Information provided:

• • •

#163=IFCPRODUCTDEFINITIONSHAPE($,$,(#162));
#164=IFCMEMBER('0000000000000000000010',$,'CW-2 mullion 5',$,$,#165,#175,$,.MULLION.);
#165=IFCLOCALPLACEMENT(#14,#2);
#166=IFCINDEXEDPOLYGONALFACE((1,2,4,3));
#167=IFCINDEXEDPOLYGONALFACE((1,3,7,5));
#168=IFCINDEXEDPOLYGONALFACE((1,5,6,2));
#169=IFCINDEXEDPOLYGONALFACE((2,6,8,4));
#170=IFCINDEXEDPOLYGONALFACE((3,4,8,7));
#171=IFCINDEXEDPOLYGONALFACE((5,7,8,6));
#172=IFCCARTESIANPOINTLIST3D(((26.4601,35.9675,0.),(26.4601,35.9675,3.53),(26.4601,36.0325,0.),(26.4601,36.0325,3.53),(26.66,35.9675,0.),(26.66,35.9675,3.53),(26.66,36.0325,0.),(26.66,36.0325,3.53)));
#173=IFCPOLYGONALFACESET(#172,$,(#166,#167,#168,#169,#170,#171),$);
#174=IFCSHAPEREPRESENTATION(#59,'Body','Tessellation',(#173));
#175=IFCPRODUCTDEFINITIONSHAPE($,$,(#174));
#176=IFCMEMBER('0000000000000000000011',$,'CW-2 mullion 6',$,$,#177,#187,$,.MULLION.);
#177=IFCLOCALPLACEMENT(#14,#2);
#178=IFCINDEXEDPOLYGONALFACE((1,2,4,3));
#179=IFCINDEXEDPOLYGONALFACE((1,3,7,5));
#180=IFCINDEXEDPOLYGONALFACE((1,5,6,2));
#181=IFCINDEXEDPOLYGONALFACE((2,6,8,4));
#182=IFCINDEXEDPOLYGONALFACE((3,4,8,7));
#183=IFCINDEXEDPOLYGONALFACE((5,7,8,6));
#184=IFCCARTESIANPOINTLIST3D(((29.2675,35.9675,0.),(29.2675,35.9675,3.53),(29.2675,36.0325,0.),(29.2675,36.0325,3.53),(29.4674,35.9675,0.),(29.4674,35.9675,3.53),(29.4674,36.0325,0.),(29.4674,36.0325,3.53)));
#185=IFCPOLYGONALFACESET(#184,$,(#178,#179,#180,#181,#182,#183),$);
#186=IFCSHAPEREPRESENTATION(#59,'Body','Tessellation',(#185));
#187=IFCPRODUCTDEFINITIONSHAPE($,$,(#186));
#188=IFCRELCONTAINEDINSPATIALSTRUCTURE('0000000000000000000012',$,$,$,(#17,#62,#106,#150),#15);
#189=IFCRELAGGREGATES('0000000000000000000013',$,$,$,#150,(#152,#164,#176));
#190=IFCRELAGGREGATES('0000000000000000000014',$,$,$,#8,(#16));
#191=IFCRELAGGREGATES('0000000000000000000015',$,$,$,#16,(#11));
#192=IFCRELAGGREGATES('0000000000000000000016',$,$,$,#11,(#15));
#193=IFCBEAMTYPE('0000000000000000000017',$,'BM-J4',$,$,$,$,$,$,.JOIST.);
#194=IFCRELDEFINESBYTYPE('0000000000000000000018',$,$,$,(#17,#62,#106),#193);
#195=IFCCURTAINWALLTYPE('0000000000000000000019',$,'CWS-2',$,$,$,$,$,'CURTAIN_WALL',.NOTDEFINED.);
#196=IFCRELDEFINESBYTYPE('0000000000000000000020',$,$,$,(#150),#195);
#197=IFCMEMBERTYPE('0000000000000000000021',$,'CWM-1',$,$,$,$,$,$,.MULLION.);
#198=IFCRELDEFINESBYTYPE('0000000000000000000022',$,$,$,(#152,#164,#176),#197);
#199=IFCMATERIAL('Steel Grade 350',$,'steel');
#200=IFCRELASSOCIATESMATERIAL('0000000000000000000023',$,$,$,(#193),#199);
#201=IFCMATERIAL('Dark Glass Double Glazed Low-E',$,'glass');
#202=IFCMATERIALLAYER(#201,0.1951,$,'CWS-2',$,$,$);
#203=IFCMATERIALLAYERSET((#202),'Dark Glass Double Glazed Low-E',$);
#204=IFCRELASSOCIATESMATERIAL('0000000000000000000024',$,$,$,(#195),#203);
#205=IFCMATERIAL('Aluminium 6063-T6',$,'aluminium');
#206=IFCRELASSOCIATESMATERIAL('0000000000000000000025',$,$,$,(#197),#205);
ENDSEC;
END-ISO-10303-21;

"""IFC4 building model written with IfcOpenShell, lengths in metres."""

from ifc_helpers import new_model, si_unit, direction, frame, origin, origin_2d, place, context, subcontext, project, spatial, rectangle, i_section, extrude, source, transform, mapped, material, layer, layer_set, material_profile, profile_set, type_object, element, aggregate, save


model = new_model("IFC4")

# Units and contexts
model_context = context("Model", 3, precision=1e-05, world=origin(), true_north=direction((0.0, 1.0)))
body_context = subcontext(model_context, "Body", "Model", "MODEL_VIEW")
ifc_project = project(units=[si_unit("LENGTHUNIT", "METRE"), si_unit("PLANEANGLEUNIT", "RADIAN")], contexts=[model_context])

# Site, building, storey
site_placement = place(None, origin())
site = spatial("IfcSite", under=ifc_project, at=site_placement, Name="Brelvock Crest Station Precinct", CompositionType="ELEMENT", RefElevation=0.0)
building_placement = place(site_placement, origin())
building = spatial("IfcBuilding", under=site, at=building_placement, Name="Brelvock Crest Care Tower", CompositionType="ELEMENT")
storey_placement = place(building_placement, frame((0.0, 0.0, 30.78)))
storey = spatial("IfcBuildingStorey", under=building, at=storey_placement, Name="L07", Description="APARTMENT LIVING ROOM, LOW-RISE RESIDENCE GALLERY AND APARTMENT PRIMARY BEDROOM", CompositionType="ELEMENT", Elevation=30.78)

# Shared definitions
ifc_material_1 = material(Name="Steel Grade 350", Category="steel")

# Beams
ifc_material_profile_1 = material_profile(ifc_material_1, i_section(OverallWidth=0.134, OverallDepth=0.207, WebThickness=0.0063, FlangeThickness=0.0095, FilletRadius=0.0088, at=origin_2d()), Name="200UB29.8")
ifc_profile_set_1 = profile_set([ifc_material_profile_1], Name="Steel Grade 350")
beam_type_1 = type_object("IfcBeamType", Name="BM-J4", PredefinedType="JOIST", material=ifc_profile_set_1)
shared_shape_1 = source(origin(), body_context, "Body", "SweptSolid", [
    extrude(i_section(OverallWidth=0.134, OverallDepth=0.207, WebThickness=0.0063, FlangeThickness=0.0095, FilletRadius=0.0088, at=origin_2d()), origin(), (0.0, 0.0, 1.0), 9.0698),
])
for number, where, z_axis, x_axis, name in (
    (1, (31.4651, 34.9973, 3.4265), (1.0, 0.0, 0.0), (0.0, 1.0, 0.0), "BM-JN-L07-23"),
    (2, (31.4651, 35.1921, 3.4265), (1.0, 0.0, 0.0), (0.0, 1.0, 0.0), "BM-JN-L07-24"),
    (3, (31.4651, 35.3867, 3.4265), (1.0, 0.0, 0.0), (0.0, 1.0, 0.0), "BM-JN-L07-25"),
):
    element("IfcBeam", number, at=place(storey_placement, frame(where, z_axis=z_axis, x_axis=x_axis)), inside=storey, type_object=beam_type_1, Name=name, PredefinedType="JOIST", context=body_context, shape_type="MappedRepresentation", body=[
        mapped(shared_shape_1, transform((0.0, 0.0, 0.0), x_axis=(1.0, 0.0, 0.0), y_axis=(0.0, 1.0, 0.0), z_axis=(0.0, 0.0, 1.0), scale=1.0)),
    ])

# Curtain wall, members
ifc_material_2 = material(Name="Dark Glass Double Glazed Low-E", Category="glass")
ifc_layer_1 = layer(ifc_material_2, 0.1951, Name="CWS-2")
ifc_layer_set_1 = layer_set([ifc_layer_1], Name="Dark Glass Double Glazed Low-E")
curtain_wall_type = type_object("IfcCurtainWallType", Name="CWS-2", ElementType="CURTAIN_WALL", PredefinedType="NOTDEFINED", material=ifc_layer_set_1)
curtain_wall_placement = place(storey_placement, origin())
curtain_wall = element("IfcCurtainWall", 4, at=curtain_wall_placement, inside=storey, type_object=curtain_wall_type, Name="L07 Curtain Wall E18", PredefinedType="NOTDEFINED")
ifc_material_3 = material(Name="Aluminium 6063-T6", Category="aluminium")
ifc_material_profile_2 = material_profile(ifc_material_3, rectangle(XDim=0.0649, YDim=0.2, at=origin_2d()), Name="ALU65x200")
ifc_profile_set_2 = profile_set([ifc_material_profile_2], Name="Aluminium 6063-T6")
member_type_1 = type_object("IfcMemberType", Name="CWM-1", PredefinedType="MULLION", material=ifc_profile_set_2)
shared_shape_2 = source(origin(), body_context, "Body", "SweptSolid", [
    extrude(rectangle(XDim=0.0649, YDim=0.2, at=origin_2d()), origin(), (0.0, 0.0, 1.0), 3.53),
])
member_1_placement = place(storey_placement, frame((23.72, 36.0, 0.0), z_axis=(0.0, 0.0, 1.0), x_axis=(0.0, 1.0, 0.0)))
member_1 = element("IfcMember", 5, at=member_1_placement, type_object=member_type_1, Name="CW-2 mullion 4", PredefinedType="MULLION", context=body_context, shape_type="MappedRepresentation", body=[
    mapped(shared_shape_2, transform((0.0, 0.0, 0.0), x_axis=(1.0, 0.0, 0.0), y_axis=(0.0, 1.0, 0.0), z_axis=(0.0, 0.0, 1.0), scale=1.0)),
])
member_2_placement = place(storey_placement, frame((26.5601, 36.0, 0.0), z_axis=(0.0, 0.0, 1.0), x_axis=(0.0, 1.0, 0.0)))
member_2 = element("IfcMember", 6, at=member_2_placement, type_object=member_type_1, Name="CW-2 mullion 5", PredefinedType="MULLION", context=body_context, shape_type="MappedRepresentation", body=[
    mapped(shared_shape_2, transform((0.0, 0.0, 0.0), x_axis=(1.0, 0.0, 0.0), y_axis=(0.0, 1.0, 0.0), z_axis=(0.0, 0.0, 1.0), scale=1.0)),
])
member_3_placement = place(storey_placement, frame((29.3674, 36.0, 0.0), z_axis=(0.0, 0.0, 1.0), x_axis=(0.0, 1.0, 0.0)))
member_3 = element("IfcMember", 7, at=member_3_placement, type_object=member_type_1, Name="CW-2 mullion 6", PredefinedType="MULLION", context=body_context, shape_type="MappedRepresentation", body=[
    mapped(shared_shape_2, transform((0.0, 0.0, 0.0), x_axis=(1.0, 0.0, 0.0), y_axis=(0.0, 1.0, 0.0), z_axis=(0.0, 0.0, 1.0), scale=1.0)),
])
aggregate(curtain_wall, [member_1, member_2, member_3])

• • •

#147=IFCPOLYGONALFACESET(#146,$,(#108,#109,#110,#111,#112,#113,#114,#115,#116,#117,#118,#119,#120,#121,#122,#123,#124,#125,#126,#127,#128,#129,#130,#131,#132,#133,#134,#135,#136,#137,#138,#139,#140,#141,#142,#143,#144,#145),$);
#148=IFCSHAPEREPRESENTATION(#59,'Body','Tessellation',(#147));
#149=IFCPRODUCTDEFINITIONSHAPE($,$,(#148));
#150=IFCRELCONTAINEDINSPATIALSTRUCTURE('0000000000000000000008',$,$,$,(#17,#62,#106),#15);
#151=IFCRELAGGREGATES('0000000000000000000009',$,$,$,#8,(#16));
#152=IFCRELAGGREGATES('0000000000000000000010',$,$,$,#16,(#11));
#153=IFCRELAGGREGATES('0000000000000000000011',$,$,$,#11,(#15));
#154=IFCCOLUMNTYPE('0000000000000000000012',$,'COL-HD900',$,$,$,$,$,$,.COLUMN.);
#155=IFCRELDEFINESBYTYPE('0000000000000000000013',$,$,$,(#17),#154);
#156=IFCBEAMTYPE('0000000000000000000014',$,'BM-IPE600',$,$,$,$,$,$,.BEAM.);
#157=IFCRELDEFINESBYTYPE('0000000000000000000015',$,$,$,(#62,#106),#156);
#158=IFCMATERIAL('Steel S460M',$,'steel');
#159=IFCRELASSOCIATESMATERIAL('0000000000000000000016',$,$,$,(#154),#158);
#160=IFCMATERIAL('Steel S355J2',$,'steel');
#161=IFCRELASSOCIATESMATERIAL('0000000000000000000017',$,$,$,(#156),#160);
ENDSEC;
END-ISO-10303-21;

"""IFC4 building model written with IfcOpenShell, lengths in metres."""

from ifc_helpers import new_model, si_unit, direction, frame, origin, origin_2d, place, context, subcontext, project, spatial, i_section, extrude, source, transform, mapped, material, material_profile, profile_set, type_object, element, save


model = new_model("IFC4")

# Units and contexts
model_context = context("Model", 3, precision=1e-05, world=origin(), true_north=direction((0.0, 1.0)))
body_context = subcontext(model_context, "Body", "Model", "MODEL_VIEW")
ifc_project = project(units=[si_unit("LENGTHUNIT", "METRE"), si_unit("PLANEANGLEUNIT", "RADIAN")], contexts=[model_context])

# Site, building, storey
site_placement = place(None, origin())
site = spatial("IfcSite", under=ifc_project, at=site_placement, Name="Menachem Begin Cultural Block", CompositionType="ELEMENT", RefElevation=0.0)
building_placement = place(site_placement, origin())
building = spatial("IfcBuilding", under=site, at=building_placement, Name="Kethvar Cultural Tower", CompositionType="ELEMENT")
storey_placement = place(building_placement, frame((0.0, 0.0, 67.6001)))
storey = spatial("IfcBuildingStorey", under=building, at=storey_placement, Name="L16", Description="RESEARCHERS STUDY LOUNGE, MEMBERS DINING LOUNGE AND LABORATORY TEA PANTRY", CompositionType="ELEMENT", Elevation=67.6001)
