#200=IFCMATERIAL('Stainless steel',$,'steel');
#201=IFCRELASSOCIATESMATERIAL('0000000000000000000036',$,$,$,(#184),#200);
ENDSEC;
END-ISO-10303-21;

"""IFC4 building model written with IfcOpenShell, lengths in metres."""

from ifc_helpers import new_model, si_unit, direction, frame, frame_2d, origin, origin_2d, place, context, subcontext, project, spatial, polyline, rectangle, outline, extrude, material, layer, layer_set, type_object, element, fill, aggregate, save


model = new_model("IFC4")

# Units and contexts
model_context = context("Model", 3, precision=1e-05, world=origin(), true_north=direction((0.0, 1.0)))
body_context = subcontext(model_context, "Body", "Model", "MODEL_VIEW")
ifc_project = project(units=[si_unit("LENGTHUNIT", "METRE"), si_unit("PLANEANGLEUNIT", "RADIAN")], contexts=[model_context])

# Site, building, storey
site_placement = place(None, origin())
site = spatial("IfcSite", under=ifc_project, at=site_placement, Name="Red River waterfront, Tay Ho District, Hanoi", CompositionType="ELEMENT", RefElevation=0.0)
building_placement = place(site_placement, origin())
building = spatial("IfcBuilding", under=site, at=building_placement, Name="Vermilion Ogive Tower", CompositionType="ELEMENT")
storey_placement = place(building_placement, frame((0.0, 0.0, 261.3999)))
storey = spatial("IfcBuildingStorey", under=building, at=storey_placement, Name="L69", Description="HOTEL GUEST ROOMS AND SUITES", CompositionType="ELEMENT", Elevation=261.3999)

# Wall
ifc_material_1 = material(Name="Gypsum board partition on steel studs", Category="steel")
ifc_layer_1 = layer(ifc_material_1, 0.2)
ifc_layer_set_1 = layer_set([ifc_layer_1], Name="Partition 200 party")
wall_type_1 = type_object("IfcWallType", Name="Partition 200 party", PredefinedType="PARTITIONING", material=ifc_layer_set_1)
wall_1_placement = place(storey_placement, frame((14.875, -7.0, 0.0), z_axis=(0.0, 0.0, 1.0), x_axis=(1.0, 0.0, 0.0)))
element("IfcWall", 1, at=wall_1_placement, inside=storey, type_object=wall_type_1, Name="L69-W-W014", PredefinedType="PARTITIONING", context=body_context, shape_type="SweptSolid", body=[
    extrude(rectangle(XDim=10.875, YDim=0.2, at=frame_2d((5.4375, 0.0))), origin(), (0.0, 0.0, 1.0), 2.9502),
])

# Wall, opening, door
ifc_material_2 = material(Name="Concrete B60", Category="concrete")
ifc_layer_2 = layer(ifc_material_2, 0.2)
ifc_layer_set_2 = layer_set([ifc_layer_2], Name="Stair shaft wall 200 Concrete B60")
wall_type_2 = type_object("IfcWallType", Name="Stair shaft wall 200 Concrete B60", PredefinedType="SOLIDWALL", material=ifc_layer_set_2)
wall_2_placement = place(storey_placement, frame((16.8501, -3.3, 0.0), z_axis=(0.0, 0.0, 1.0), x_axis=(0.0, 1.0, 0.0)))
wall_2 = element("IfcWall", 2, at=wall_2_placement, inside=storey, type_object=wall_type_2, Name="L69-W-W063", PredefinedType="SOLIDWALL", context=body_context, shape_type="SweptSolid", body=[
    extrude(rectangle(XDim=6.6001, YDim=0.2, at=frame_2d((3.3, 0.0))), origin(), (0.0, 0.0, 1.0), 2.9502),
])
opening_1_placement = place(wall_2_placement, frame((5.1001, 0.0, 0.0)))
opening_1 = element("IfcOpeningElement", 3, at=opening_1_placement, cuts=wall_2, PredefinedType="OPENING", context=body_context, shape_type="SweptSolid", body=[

• • •

What the exercise asks: When you reach the line containing "River waterfront, Tay" in the data above, start copying exactly, and stop after the line containing "x_axis=(1.0, 0.0, 0.0)))".

Expected answer:
site = spatial("IfcSite", under=ifc_project, at=site_placement, Name="Red River waterfront, Tay Ho District, Hanoi", CompositionType="ELEMENT", RefElevation=0.0)
building_placement = place(site_placement, origin())
building = spatial("IfcBuilding", under=site, at=building_placement, Name="Vermilion Ogive Tower", CompositionType="ELEMENT")
storey_placement = place(building_placement, frame((0.0, 0.0, 261.3999)))
storey = spatial("IfcBuildingStorey", under=building, at=storey_placement, Name="L69", Description="HOTEL GUEST ROOMS AND SUITES", CompositionType="ELEMENT", Elevation=261.3999)

# Wall
ifc_material_1 = material(Name="Gypsum board partition on steel studs", Category="steel")
ifc_layer_1 = layer(ifc_material_1, 0.2)
ifc_layer_set_1 = layer_set([ifc_layer_1], Name="Partition 200 party")
wall_type_1 = type_object("IfcWallType", Name="Partition 200 party", PredefinedType="PARTITIONING", material=ifc_layer_set_1)
wall_1_placement = place(storey_placement, frame((14.875, -7.0, 0.0), z_axis=(0.0, 0.0, 1.0), x_axis=(1.0, 0.0, 0.0)))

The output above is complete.